◆ **Work to complete**
Restrict the output to the lines below starting at the one that contains "#66=IFCINDEXEDPOLYGONALFACE((39,40,42,41));" and ending at the one that contains "#71=IFCINDEXEDPOLYGONALFACE((1,5,6,2));", and restate them word for word, both ends included.

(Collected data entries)
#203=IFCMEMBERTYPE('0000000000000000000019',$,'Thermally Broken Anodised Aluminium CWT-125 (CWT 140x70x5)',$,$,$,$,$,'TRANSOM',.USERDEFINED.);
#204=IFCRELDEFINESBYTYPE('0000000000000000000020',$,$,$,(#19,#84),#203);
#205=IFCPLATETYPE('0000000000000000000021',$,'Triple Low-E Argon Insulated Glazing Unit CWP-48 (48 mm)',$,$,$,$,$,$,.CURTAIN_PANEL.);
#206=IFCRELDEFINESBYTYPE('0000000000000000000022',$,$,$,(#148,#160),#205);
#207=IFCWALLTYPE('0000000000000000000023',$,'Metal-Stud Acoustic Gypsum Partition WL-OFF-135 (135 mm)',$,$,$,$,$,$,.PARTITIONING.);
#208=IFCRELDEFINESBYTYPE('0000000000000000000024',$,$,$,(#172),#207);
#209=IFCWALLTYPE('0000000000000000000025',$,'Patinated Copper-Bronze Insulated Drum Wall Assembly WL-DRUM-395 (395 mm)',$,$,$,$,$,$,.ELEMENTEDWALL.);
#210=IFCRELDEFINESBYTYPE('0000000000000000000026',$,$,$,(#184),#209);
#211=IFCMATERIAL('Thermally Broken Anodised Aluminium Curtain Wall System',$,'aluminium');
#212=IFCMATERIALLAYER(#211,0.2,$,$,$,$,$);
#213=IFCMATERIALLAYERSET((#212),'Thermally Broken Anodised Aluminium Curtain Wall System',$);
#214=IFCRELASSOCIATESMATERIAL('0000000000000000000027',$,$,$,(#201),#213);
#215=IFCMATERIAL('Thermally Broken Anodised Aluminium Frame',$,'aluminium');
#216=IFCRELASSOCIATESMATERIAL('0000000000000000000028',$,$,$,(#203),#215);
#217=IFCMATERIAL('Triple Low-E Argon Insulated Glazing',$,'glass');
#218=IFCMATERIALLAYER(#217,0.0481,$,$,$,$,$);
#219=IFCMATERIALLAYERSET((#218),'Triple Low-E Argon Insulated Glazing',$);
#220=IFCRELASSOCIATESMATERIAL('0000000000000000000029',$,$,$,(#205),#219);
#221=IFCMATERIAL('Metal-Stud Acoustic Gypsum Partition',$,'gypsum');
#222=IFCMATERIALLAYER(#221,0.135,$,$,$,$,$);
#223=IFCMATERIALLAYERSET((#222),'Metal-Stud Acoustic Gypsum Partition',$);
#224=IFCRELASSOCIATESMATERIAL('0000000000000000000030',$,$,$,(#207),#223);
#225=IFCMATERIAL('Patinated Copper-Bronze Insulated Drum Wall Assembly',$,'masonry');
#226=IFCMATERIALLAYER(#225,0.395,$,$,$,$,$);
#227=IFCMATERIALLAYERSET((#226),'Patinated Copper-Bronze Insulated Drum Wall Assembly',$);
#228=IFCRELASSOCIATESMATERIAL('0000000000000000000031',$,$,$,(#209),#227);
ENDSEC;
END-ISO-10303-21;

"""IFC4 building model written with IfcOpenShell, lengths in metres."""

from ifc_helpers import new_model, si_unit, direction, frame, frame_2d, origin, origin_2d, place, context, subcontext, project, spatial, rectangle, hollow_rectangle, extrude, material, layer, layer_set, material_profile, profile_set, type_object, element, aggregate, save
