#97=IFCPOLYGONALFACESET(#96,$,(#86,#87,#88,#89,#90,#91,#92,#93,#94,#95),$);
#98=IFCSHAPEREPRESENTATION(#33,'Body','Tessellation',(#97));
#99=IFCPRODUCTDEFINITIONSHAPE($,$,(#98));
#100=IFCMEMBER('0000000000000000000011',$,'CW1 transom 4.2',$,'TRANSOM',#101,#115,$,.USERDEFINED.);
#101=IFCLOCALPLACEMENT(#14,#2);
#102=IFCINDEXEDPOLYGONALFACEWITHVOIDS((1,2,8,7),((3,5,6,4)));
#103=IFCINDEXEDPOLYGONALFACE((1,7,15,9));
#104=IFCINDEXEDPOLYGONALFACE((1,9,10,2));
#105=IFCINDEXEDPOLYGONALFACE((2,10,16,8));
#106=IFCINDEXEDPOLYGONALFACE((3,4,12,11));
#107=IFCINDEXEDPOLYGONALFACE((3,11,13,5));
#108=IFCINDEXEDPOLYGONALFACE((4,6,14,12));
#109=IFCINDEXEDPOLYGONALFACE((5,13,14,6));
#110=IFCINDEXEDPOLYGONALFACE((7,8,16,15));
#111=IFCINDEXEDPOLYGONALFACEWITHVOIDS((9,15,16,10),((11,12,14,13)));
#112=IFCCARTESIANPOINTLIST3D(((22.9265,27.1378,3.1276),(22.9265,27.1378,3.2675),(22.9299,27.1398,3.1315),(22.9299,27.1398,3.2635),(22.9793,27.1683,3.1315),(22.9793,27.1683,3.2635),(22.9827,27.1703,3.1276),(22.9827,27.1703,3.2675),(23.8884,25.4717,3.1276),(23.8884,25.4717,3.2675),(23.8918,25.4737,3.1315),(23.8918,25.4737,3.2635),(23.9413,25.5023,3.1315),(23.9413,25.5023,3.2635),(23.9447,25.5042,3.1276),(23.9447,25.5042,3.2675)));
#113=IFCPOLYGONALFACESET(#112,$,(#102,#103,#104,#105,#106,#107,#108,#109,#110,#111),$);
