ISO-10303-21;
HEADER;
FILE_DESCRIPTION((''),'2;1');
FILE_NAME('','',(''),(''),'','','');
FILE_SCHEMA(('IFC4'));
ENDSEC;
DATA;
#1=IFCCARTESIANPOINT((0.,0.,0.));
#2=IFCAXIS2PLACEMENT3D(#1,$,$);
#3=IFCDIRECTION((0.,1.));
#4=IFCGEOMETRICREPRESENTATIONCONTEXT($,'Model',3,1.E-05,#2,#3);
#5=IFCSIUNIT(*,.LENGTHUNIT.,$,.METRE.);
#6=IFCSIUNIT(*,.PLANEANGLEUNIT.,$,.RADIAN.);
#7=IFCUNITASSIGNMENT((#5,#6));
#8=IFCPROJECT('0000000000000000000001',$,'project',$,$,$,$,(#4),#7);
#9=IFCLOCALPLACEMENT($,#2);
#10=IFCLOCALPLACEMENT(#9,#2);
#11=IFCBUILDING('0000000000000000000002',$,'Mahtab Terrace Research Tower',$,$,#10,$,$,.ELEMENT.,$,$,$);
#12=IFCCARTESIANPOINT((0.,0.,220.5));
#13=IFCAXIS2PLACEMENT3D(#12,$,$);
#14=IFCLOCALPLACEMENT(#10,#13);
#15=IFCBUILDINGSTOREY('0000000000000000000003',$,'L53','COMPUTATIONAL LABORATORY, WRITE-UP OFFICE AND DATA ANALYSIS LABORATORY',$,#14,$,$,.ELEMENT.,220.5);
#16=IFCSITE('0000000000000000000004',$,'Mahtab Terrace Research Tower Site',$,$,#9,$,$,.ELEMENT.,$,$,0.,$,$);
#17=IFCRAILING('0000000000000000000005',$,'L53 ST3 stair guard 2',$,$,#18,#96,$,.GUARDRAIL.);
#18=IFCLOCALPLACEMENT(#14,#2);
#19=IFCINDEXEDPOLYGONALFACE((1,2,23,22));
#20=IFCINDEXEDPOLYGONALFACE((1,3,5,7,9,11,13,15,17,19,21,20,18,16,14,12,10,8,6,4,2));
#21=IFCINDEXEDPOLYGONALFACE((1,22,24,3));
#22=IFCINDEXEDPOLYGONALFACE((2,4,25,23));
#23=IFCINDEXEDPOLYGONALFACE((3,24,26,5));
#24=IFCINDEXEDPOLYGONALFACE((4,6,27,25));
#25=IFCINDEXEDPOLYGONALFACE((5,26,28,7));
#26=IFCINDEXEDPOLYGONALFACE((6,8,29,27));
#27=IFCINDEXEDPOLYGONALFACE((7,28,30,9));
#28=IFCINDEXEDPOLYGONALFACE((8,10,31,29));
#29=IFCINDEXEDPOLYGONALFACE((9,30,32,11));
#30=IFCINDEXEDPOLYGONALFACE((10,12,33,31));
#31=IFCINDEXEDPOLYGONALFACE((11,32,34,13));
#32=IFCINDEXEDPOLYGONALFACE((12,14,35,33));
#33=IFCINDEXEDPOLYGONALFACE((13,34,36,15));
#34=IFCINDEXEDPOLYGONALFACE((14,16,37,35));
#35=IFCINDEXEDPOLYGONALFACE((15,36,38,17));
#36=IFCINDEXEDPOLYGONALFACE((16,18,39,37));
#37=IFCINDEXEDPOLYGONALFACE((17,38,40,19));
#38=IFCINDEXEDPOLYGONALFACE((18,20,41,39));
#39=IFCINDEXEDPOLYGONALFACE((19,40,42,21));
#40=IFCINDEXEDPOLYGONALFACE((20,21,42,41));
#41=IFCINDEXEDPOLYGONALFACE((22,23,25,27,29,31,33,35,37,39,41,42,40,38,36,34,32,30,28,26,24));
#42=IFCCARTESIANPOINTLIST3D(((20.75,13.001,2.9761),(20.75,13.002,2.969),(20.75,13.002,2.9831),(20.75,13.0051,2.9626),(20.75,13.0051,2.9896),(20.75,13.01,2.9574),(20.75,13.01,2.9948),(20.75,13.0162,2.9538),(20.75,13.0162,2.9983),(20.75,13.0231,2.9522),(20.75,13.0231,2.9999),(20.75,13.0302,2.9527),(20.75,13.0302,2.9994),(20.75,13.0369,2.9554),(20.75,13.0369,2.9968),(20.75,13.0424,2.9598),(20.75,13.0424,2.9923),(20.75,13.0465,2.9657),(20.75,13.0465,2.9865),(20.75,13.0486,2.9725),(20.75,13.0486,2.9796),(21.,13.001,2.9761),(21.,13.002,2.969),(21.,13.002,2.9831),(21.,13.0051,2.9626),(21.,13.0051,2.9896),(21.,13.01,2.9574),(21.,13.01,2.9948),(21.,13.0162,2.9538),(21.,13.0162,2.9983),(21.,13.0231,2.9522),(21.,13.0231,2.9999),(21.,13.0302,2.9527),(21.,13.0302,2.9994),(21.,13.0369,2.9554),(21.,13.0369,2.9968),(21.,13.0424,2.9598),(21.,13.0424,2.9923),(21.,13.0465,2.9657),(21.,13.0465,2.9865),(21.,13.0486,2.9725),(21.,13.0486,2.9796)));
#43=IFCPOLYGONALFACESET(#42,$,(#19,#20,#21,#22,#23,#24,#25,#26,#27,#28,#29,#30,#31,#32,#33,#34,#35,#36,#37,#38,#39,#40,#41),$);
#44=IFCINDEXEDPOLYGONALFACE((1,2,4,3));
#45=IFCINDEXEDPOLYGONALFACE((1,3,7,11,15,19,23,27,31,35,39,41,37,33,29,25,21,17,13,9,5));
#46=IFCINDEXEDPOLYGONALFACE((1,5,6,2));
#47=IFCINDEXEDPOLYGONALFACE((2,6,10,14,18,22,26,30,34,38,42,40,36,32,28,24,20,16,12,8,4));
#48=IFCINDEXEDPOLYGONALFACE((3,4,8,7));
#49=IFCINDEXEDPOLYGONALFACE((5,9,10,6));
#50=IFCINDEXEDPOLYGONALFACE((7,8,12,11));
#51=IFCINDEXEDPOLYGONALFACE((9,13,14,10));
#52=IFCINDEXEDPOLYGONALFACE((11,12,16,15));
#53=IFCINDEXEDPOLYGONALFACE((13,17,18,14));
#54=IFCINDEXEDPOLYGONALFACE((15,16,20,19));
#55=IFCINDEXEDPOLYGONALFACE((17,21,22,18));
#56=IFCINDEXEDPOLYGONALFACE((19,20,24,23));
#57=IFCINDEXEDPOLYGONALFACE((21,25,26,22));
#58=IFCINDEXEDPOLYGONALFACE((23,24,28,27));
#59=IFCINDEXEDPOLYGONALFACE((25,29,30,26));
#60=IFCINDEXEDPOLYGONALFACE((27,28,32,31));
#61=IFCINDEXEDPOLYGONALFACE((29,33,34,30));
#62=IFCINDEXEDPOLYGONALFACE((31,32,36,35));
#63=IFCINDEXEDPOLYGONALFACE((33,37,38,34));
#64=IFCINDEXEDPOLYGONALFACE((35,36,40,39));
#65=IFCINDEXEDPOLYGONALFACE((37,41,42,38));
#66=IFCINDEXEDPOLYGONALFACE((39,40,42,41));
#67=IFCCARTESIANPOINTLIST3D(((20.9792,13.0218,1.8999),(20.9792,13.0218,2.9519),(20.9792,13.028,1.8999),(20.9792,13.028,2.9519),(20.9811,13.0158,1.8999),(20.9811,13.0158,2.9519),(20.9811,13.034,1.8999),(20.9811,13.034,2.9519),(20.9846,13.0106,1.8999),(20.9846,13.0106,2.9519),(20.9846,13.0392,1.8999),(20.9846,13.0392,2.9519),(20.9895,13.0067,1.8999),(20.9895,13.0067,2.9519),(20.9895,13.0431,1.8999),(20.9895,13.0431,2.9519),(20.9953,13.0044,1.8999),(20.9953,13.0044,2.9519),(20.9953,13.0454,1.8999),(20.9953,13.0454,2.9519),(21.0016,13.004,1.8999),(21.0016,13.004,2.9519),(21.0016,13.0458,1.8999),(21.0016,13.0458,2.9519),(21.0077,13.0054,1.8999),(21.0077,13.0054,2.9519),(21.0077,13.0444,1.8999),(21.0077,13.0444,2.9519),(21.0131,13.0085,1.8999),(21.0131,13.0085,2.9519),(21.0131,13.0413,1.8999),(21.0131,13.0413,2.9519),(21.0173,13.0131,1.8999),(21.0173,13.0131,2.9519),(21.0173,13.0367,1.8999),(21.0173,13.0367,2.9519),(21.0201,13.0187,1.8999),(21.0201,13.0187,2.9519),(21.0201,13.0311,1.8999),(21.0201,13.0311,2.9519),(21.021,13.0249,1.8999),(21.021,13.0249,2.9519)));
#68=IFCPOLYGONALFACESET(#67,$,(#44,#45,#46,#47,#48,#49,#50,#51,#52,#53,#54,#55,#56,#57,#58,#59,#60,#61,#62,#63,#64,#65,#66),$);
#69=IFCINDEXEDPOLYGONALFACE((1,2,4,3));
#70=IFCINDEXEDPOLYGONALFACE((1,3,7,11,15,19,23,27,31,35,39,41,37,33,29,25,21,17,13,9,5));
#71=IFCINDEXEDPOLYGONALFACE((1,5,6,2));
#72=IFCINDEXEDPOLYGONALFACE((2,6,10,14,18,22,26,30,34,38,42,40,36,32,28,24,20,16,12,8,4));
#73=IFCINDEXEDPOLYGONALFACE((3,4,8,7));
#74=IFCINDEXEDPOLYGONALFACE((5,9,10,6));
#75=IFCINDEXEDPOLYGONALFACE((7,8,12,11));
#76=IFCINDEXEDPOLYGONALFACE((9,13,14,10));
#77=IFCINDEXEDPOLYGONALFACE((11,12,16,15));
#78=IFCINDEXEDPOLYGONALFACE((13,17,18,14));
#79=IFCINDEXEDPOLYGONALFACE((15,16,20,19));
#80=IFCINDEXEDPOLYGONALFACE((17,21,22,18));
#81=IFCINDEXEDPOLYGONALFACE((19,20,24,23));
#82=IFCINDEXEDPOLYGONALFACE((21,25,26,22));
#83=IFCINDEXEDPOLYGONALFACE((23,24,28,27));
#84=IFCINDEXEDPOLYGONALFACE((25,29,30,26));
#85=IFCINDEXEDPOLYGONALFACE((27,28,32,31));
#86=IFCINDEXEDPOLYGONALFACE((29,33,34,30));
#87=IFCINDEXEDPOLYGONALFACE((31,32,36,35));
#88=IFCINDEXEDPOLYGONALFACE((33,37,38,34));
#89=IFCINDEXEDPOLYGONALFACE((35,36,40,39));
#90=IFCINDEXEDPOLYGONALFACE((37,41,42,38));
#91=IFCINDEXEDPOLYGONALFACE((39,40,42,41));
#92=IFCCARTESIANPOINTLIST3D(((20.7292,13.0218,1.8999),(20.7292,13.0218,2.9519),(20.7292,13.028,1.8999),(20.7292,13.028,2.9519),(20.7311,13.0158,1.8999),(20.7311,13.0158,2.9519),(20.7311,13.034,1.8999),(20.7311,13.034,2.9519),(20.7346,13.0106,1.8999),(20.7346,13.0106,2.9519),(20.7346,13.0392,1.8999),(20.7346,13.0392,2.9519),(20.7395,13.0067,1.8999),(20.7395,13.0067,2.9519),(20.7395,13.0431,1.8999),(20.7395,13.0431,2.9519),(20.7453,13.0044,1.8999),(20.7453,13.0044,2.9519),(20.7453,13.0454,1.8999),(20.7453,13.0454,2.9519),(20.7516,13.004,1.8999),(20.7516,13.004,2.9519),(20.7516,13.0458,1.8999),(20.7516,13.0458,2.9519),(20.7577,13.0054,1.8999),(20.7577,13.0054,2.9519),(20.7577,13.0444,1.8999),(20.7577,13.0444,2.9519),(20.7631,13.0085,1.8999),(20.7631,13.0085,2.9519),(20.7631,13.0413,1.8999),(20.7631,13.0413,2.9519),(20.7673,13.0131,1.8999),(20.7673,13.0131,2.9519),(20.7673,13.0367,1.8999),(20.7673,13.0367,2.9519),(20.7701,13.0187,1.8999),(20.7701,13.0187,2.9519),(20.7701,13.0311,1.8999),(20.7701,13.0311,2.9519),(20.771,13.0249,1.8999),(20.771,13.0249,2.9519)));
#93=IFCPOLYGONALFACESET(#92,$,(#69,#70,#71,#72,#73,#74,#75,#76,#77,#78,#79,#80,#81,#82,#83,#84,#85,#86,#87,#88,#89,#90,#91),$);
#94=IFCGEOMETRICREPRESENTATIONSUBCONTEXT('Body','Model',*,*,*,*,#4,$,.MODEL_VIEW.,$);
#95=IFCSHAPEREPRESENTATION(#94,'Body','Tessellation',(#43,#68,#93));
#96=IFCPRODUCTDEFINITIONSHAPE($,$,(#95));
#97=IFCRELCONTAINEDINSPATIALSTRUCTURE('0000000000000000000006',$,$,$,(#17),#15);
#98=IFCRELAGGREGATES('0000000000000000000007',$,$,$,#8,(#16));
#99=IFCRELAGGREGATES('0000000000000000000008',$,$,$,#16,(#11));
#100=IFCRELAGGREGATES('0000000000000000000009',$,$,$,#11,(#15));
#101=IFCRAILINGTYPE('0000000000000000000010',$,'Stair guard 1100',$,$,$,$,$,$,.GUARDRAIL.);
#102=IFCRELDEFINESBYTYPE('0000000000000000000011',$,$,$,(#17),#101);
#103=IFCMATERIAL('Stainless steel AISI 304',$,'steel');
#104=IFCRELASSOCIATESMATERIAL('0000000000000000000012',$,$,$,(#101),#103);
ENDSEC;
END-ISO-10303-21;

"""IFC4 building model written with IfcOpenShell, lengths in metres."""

from ifc_helpers import new_model, si_unit, direction, frame, origin, origin_2d, place, context, subcontext, project, spatial, circle, extrude, material, type_object, element, save


model = new_model("IFC4")

# Units and contexts
model_context = context("Model", 3, precision=1e-05, world=origin(), true_north=direction((0.0, 1.0)))
body_context = subcontext(model_context, "Body", "Model", "MODEL_VIEW")
ifc_project = project(units=[si_unit("LENGTHUNIT", "METRE"), si_unit("PLANEANGLEUNIT", "RADIAN")], contexts=[model_context])

# Site, building, storey
site_placement = place(None, origin())
site = spatial("IfcSite", under=ifc_project, at=site_placement, Name="Mahtab Terrace Research Tower Site", CompositionType="ELEMENT", RefElevation=0.0)
building_placement = place(site_placement, origin())
building = spatial("IfcBuilding", under=site, at=building_placement, Name="Mahtab Terrace Research Tower", CompositionType="ELEMENT")
storey_placement = place(building_placement, frame((0.0, 0.0, 220.5)))
storey = spatial("IfcBuildingStorey", under=building, at=storey_placement, Name="L53", Description="COMPUTATIONAL LABORATORY, WRITE-UP OFFICE AND DATA ANALYSIS LABORATORY", CompositionType="ELEMENT", Elevation=220.5)

# Railing
ifc_material_1 = material(Name="Stainless steel AISI 304", Category="steel")
railing_type_1 = type_object("IfcRailingType", Name="Stair guard 1100", PredefinedType="GUARDRAIL", material=ifc_material_1)
railing_1_placement = place(storey_placement, frame((21.0, 13.0249, 1.8999)))
element("IfcRailing", 1, at=railing_1_placement, inside=storey, type_object=railing_type_1, Name="L53 ST3 stair guard 2", PredefinedType="GUARDRAIL", context=body_context, shape_type="SweptSolid", body=[
    extrude(circle(Radius=0.0239, at=origin_2d()), frame((0.0, 0.0, 1.0762), z_axis=(-1.0, 0.0, 0.0), x_axis=(0.0, -1.0, 0.0)), (0.0, 0.0, 1.0), 0.25),
    extrude(circle(Radius=0.021, at=origin_2d()), origin(), (0.0, 0.0, 1.0), 1.052),
    extrude(circle(Radius=0.021, at=origin_2d()), frame((-0.25, 0.0, 0.0)), (0.0, 0.0, 1.0), 1.052),
])

save(model, "model.ifc")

◆ **Response area**
#66=IFCINDEXEDPOLYGONALFACE((39,40,42,41));
#67=IFCCARTESIANPOINTLIST3D(((20.9792,13.0218,1.8999),(20.9792,13.0218,2.9519),(20.9792,13.028,1.8999),(20.9792,13.028,2.9519),(20.9811,13.0158,1.8999),(20.9811,13.0158,2.9519),(20.9811,13.034,1.8999),(20.9811,13.034,2.9519),(20.9846,13.0106,1.8999),(20.9846,13.0106,2.9519),(20.9846,13.0392,1.8999),(20.9846,13.0392,2.9519),(20.9895,13.0067,1.8999),(20.9895,13.0067,2.9519),(20.9895,13.0431,1.8999),(20.9895,13.0431,2.9519),(20.9953,13.0044,1.8999),(20.9953,13.0044,2.9519),(20.9953,13.0454,1.8999),(20.9953,13.0454,2.9519),(21.0016,13.004,1.8999),(21.0016,13.004,2.9519),(21.0016,13.0458,1.8999),(21.0016,13.0458,2.9519),(21.0077,13.0054,1.8999),(21.0077,13.0054,2.9519),(21.0077,13.0444,1.8999),(21.0077,13.0444,2.9519),(21.0131,13.0085,1.8999),(21.0131,13.0085,2.9519),(21.0131,13.0413,1.8999),(21.0131,13.0413,2.9519),(21.0173,13.0131,1.8999),(21.0173,13.0131,2.9519),(21.0173,13.0367,1.8999),(21.0173,13.0367,2.9519),(21.0201,13.0187,1.8999),(21.0201,13.0187,2.9519),(21.0201,13.0311,1.8999),(21.0201,13.0311,2.9519),(21.021,13.0249,1.8999),(21.021,13.0249,2.9519)));
#68=IFCPOLYGONALFACESET(#67,$,(#44,#45,#46,#47,#48,#49,#50,#51,#52,#53,#54,#55,#56,#57,#58,#59,#60,#61,#62,#63,#64,#65,#66),$);
#69=IFCINDEXEDPOLYGONALFACE((1,2,4,3));
#70=IFCINDEXEDPOLYGONALFACE((1,3,7,11,15,19,23,27,31,35,39,41,37,33,29,25,21,17,13,9,5));
#71=IFCINDEXEDPOLYGONALFACE((1,5,6,2));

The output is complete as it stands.